Return, exactly and in full, the lines of the records below starting at the one with "#66=IFCINDEXEDPOLYGONALFACE((25,30,32,27));" and ending at the one with "#76=IFCINDEXEDPOLYGONALFACE((47,49,50,48));", and no other lines.

***

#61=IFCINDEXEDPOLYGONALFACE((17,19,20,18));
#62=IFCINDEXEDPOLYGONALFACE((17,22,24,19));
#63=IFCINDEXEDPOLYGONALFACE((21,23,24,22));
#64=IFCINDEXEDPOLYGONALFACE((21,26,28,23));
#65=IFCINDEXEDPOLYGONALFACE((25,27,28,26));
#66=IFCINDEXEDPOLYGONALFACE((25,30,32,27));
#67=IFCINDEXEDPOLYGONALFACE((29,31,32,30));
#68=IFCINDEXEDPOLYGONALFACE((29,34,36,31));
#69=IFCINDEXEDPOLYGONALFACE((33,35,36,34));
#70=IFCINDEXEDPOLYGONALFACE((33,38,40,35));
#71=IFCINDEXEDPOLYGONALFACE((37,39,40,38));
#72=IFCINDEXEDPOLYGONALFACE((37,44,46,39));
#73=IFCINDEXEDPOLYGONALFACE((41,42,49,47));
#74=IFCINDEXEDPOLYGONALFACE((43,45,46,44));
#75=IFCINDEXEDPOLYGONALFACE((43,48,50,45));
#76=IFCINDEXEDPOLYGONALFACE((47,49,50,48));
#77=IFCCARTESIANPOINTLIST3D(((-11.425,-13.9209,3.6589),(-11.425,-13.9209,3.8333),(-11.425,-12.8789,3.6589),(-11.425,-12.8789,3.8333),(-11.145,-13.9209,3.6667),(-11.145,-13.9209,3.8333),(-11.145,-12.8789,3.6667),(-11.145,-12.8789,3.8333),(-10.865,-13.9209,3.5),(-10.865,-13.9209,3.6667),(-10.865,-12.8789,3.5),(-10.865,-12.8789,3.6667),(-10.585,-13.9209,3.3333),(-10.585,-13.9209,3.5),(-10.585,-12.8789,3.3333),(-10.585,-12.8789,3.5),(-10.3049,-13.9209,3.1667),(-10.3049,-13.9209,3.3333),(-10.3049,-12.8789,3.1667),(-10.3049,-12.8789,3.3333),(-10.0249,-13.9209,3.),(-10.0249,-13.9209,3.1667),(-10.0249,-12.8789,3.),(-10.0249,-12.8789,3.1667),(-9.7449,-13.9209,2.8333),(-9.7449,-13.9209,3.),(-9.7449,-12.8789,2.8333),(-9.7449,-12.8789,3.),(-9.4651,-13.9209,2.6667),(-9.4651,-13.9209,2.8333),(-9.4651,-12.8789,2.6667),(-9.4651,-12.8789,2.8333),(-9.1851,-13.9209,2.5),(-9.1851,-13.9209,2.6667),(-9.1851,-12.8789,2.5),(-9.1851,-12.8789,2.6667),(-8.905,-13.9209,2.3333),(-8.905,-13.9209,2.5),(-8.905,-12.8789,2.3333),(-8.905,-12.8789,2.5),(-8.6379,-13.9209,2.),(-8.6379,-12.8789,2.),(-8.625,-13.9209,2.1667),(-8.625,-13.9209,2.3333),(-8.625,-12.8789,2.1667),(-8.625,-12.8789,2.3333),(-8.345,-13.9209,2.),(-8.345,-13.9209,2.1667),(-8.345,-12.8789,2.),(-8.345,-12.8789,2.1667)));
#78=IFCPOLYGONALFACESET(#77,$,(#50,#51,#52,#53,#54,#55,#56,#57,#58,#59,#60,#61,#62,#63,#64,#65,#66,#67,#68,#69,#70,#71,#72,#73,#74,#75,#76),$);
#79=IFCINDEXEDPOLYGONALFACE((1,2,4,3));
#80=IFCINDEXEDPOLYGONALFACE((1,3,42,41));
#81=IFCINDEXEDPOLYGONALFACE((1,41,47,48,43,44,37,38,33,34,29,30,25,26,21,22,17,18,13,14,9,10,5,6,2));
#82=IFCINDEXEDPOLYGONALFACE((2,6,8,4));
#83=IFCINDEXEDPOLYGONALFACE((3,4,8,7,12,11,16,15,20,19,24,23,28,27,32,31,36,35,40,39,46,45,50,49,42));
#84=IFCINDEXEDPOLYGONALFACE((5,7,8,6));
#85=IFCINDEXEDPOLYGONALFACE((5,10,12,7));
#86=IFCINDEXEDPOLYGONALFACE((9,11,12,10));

***

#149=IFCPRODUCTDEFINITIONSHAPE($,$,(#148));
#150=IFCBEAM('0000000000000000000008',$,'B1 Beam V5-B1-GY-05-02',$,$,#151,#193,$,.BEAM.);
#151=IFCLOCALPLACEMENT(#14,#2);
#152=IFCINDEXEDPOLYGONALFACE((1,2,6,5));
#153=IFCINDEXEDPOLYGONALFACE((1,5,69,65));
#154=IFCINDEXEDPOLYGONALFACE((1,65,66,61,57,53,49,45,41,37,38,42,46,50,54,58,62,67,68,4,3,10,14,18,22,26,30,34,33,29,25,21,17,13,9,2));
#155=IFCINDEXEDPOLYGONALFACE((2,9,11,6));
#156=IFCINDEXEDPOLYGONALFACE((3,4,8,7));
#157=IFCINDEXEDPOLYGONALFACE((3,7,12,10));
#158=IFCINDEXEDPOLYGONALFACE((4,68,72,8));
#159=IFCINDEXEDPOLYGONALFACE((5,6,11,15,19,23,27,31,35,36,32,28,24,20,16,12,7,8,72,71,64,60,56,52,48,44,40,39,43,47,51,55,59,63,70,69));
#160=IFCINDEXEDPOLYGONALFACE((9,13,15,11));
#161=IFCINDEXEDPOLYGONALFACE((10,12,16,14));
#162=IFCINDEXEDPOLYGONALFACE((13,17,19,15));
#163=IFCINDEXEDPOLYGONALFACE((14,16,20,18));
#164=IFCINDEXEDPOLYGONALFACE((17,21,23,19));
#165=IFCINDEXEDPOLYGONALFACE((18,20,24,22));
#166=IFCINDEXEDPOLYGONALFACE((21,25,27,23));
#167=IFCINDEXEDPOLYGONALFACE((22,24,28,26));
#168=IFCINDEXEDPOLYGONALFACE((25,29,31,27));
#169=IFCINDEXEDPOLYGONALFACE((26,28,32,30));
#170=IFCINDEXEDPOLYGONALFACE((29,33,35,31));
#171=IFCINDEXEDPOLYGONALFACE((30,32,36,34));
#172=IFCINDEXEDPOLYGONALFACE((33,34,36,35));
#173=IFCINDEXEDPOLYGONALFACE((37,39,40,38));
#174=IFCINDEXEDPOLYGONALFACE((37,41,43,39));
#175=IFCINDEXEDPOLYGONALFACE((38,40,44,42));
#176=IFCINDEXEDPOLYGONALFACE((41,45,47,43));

***

SOLUTION FOR THIS PROBLEM »
#66=IFCINDEXEDPOLYGONALFACE((25,30,32,27));
#67=IFCINDEXEDPOLYGONALFACE((29,31,32,30));
#68=IFCINDEXEDPOLYGONALFACE((29,34,36,31));
#69=IFCINDEXEDPOLYGONALFACE((33,35,36,34));
#70=IFCINDEXEDPOLYGONALFACE((33,38,40,35));
#71=IFCINDEXEDPOLYGONALFACE((37,39,40,38));
#72=IFCINDEXEDPOLYGONALFACE((37,44,46,39));
#73=IFCINDEXEDPOLYGONALFACE((41,42,49,47));
#74=IFCINDEXEDPOLYGONALFACE((43,45,46,44));
#75=IFCINDEXEDPOLYGONALFACE((43,48,50,45));
#76=IFCINDEXEDPOLYGONALFACE((47,49,50,48));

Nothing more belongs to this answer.